[Stored data]
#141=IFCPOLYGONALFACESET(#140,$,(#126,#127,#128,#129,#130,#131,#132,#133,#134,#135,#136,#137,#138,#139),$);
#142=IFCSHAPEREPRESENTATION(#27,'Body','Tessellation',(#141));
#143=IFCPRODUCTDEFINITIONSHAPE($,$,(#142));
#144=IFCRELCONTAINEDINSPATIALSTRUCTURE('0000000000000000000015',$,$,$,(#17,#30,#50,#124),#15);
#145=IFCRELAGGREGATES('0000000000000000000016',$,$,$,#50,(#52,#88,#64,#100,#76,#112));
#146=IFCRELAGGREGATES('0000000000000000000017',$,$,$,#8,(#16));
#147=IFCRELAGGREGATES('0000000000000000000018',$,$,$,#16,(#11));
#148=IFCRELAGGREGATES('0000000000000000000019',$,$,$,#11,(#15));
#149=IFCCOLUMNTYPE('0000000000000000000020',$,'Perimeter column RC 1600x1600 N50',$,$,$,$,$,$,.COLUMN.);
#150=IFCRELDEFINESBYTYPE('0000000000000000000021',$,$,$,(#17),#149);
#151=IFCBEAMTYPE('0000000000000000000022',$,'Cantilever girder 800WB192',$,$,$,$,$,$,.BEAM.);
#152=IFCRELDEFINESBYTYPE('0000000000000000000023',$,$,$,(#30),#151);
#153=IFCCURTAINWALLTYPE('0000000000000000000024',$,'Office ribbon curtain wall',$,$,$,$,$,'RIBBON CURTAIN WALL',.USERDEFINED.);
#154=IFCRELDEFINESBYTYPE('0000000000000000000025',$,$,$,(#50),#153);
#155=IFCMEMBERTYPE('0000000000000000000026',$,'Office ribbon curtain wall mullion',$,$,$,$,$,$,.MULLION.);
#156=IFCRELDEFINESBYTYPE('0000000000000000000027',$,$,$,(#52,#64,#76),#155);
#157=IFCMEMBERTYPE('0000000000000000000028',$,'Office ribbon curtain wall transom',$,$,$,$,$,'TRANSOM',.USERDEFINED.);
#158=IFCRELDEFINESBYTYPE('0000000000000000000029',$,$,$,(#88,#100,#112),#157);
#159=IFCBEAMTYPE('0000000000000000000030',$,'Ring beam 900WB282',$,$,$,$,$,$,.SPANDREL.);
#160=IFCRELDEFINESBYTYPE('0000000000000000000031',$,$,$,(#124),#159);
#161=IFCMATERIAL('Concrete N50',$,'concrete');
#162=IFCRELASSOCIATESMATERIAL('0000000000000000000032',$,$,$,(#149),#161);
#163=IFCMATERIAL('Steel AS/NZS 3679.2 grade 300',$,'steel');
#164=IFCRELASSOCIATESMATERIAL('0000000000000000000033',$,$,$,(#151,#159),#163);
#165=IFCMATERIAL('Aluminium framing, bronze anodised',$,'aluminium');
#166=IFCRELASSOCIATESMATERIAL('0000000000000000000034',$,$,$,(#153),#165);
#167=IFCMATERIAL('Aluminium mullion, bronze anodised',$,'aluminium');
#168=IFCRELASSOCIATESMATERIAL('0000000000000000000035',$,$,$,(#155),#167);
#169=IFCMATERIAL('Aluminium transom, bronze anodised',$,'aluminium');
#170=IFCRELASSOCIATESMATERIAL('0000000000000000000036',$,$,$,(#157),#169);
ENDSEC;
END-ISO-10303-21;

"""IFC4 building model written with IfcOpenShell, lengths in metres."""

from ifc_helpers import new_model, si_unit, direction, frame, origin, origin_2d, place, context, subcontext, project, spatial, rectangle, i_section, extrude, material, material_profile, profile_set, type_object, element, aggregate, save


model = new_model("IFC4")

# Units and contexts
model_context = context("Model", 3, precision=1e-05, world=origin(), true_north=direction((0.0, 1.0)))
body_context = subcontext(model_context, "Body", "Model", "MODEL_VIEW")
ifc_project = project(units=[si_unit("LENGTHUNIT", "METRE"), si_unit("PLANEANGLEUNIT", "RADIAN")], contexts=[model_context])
...
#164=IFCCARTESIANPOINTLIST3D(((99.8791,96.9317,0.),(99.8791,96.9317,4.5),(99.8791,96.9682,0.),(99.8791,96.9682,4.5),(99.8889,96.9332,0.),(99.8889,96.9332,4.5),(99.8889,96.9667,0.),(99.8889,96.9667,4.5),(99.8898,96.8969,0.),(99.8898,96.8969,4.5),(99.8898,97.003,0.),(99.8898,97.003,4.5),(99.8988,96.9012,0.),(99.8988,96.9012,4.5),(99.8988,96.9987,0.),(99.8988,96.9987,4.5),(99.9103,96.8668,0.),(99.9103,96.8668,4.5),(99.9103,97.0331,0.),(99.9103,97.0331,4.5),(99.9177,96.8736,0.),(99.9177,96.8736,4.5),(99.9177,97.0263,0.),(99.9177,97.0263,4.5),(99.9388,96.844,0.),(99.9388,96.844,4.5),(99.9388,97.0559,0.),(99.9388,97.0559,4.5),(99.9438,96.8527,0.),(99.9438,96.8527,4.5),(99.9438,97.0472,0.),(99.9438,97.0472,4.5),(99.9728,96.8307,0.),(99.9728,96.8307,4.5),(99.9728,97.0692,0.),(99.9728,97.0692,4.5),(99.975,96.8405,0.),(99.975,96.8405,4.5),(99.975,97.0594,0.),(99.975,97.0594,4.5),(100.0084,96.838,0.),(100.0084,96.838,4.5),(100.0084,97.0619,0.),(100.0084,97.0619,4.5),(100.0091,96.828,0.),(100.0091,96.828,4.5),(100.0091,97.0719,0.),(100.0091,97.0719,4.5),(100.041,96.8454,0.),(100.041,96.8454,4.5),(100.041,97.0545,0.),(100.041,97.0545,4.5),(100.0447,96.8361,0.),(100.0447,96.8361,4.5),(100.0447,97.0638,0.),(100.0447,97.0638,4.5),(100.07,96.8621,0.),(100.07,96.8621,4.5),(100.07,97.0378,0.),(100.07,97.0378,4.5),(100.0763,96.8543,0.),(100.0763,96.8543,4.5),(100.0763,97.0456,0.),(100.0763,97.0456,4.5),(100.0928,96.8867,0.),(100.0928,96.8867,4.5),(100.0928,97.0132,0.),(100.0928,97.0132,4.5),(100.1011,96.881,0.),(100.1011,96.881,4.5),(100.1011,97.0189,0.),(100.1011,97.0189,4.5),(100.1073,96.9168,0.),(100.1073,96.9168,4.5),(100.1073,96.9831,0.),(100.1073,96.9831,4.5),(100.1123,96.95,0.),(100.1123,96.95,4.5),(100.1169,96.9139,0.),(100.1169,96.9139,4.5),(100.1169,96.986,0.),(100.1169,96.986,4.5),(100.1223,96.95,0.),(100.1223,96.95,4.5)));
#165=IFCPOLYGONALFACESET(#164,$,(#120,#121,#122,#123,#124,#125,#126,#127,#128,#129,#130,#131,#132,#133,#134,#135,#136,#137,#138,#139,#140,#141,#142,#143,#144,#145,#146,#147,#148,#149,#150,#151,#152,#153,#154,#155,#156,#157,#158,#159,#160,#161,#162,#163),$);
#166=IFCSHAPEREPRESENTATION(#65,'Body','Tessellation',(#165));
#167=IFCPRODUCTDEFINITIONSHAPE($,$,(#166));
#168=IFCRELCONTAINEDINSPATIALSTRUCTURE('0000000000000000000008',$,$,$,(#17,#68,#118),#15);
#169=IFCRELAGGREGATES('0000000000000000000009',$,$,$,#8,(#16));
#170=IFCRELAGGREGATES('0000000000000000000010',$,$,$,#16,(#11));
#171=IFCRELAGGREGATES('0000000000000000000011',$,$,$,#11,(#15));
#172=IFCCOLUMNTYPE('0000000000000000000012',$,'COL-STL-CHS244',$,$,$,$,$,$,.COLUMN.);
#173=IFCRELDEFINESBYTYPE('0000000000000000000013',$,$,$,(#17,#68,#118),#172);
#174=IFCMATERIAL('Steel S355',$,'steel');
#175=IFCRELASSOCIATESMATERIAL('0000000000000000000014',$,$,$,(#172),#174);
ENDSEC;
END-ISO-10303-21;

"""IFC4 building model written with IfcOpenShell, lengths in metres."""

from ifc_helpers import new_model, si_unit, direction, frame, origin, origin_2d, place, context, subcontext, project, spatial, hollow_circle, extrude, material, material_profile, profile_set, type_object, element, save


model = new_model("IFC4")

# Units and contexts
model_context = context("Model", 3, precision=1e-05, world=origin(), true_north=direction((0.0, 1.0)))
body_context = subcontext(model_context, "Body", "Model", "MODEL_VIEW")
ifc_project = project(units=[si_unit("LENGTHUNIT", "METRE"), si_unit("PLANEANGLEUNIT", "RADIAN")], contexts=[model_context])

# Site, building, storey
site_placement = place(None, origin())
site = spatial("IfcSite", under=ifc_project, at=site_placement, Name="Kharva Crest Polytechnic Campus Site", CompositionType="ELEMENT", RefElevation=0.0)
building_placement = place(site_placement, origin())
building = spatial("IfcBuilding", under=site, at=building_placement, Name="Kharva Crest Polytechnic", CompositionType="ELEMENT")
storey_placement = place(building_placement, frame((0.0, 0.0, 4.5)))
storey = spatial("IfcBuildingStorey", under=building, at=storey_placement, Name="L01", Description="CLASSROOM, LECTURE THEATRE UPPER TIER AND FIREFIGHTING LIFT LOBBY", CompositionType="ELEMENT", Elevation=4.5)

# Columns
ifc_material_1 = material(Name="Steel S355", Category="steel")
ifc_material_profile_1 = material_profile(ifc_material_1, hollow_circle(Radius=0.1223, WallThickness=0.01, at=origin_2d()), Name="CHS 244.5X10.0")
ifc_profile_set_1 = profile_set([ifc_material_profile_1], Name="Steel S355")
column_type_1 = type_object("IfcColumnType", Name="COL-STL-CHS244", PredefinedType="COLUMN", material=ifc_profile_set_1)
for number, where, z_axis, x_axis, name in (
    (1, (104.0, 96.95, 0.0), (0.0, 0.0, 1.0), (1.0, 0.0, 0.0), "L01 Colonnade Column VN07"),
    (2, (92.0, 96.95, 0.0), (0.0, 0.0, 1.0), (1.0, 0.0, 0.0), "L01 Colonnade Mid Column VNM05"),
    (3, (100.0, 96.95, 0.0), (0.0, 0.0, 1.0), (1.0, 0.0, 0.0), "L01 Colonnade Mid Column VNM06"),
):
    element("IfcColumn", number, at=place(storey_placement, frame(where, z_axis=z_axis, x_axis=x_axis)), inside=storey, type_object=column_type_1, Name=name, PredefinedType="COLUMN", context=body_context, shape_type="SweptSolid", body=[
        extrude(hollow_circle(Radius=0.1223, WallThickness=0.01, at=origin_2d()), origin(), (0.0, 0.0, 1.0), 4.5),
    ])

EXERCISE INSTRUCTIONS
The lines to return are those with the string "IFCSHAPEREPRESENTATION" in them; copy each from the entries above.

WORKED SOLUTION
#142=IFCSHAPEREPRESENTATION(#27,'Body','Tessellation',(#141));
#166=IFCSHAPEREPRESENTATION(#65,'Body','Tessellation',(#165));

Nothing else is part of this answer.